Stored data entries

# # #

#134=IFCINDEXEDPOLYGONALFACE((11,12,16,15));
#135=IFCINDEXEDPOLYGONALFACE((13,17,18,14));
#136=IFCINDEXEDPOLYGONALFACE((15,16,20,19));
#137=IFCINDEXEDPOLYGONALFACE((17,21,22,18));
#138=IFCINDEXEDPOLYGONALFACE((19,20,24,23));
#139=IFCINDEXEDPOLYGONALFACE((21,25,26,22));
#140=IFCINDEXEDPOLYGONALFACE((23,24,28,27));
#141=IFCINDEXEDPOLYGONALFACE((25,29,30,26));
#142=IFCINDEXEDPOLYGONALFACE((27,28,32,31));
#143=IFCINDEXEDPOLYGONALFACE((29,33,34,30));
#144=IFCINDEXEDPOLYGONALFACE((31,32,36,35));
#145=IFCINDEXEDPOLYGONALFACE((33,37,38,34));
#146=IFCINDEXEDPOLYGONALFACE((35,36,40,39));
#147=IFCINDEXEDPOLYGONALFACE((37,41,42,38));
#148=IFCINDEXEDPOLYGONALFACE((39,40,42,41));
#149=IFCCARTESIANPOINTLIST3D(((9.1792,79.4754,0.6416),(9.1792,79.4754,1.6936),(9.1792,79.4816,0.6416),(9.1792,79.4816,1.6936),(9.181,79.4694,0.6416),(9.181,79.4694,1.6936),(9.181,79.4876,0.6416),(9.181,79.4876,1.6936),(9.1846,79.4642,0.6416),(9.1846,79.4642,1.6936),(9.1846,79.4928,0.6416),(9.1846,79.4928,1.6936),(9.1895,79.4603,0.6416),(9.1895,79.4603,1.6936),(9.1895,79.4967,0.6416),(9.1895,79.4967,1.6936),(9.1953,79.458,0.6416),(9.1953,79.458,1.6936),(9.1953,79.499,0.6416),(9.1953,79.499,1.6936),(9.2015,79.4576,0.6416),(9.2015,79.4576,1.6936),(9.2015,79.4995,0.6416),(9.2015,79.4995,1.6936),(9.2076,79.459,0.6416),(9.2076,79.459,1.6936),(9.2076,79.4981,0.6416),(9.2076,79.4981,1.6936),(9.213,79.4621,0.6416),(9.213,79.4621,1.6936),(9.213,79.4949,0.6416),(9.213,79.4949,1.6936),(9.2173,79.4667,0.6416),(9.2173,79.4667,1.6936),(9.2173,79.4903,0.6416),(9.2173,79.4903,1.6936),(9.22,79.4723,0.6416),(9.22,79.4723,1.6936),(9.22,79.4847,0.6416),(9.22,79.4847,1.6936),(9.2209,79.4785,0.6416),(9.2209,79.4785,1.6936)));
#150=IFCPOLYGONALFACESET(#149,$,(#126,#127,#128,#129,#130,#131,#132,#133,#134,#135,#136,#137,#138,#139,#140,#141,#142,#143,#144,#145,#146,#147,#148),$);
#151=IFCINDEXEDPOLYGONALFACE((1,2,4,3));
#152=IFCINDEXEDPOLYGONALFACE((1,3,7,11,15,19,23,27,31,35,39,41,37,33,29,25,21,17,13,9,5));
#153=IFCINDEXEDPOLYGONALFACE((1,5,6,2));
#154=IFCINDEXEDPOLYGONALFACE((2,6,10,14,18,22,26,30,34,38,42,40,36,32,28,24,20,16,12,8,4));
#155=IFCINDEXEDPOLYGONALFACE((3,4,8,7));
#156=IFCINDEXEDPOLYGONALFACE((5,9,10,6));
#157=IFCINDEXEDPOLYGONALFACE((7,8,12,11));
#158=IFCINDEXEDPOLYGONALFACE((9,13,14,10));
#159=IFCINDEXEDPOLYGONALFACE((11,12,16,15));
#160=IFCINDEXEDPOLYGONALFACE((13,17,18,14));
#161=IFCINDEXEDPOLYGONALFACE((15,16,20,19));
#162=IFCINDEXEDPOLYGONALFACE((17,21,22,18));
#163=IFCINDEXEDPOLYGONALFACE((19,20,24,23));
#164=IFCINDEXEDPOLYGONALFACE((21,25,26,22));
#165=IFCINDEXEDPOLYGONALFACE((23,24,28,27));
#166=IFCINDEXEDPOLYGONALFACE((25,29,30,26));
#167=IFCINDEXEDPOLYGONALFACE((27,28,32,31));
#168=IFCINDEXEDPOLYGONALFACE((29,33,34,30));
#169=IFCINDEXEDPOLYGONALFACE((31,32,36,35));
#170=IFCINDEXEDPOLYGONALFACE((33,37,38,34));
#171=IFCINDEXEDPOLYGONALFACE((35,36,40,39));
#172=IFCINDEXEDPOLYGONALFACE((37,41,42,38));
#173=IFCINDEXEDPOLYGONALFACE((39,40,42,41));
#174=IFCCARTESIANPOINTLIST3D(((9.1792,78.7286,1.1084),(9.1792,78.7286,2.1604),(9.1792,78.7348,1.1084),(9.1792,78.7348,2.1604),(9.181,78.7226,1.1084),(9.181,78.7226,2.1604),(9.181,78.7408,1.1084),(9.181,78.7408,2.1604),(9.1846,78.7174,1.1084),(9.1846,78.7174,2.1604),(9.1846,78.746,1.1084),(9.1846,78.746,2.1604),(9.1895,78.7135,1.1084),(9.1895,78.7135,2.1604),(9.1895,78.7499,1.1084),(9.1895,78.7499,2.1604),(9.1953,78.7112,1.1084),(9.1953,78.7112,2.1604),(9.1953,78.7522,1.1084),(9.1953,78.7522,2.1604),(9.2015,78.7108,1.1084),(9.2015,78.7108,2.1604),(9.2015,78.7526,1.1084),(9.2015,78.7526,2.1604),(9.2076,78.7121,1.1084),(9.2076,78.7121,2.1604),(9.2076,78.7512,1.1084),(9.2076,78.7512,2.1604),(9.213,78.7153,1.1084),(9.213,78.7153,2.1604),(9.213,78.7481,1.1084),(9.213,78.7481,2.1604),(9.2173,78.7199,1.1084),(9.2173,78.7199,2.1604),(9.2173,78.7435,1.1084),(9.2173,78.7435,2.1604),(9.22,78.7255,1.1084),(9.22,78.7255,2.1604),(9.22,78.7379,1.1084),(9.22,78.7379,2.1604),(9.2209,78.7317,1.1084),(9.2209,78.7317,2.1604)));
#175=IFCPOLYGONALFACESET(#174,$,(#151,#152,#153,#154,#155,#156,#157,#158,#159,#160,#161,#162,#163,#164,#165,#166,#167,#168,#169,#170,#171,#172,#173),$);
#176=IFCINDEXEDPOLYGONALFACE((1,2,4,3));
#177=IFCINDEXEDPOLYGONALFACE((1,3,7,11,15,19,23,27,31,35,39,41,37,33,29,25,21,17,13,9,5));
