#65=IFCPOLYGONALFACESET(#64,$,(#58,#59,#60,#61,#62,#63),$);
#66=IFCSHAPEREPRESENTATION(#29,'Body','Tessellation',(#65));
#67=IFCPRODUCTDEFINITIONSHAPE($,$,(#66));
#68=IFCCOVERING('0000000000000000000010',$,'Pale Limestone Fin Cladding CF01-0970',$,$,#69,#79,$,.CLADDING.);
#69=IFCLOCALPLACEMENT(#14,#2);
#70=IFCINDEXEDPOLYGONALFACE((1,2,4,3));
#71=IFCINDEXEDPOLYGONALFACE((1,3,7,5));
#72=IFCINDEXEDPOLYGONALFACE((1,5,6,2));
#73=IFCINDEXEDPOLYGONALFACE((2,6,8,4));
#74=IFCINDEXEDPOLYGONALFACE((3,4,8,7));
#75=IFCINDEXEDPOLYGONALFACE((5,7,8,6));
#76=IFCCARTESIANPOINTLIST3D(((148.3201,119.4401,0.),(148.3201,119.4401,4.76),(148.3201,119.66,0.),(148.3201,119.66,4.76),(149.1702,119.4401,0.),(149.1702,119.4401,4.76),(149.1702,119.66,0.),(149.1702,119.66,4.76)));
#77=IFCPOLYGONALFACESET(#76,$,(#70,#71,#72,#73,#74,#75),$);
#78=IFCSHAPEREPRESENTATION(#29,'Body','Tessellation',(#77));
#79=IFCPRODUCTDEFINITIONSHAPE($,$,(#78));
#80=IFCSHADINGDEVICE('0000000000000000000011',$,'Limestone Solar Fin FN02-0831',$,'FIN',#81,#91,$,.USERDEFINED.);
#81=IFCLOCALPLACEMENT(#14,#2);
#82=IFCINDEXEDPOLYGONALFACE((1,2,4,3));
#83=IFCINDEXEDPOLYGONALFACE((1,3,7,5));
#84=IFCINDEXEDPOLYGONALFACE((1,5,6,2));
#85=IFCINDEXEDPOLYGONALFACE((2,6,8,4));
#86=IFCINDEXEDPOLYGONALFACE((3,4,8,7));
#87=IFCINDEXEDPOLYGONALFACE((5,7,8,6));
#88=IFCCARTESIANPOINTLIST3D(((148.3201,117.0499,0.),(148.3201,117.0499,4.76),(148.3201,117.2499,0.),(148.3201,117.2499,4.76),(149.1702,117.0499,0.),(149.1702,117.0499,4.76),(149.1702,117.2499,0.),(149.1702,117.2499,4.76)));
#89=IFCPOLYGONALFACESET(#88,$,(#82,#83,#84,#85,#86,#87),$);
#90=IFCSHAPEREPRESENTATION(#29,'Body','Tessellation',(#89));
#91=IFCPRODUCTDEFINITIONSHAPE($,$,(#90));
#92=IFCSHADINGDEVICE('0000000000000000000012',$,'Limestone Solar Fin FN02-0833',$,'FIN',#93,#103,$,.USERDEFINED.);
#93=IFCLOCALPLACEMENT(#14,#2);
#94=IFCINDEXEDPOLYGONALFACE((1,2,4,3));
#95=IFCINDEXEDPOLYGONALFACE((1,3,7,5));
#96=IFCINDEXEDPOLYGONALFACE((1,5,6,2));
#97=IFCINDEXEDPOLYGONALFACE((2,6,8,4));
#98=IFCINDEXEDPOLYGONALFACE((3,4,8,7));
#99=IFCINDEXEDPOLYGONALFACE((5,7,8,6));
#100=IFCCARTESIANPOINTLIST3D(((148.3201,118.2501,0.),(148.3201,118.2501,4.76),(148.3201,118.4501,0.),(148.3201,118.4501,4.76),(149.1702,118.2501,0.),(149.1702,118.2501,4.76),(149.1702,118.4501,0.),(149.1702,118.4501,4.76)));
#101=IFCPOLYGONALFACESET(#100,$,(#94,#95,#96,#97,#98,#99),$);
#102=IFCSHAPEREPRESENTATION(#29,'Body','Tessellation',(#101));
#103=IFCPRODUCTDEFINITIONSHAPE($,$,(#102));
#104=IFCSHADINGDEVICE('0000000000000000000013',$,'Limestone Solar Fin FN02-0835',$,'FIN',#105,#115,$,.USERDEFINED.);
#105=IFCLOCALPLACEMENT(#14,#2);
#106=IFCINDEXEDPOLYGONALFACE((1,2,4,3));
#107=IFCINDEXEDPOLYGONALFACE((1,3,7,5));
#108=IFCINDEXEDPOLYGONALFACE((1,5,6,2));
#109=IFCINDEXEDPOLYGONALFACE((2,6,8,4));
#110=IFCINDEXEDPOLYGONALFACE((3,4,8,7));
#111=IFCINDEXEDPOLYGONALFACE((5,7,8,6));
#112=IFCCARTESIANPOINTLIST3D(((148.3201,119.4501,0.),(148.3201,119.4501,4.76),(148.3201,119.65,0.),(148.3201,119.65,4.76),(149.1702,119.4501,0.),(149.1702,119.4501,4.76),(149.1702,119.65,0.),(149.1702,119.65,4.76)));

# # #

## Exercise directions
Using the data above, reproduce exactly the lines from the line that contains "#68=IFCCOVERING('0000000000000000000010',$,'Pale Limestone Fin" through the line that contains "#75=IFCINDEXEDPOLYGONALFACE((5,7,8,6));", including both.

## Output below
#68=IFCCOVERING('0000000000000000000010',$,'Pale Limestone Fin Cladding CF01-0970',$,$,#69,#79,$,.CLADDING.);
#69=IFCLOCALPLACEMENT(#14,#2);
#70=IFCINDEXEDPOLYGONALFACE((1,2,4,3));
#71=IFCINDEXEDPOLYGONALFACE((1,3,7,5));
#72=IFCINDEXEDPOLYGONALFACE((1,5,6,2));
#73=IFCINDEXEDPOLYGONALFACE((2,6,8,4));
#74=IFCINDEXEDPOLYGONALFACE((3,4,8,7));
#75=IFCINDEXEDPOLYGONALFACE((5,7,8,6));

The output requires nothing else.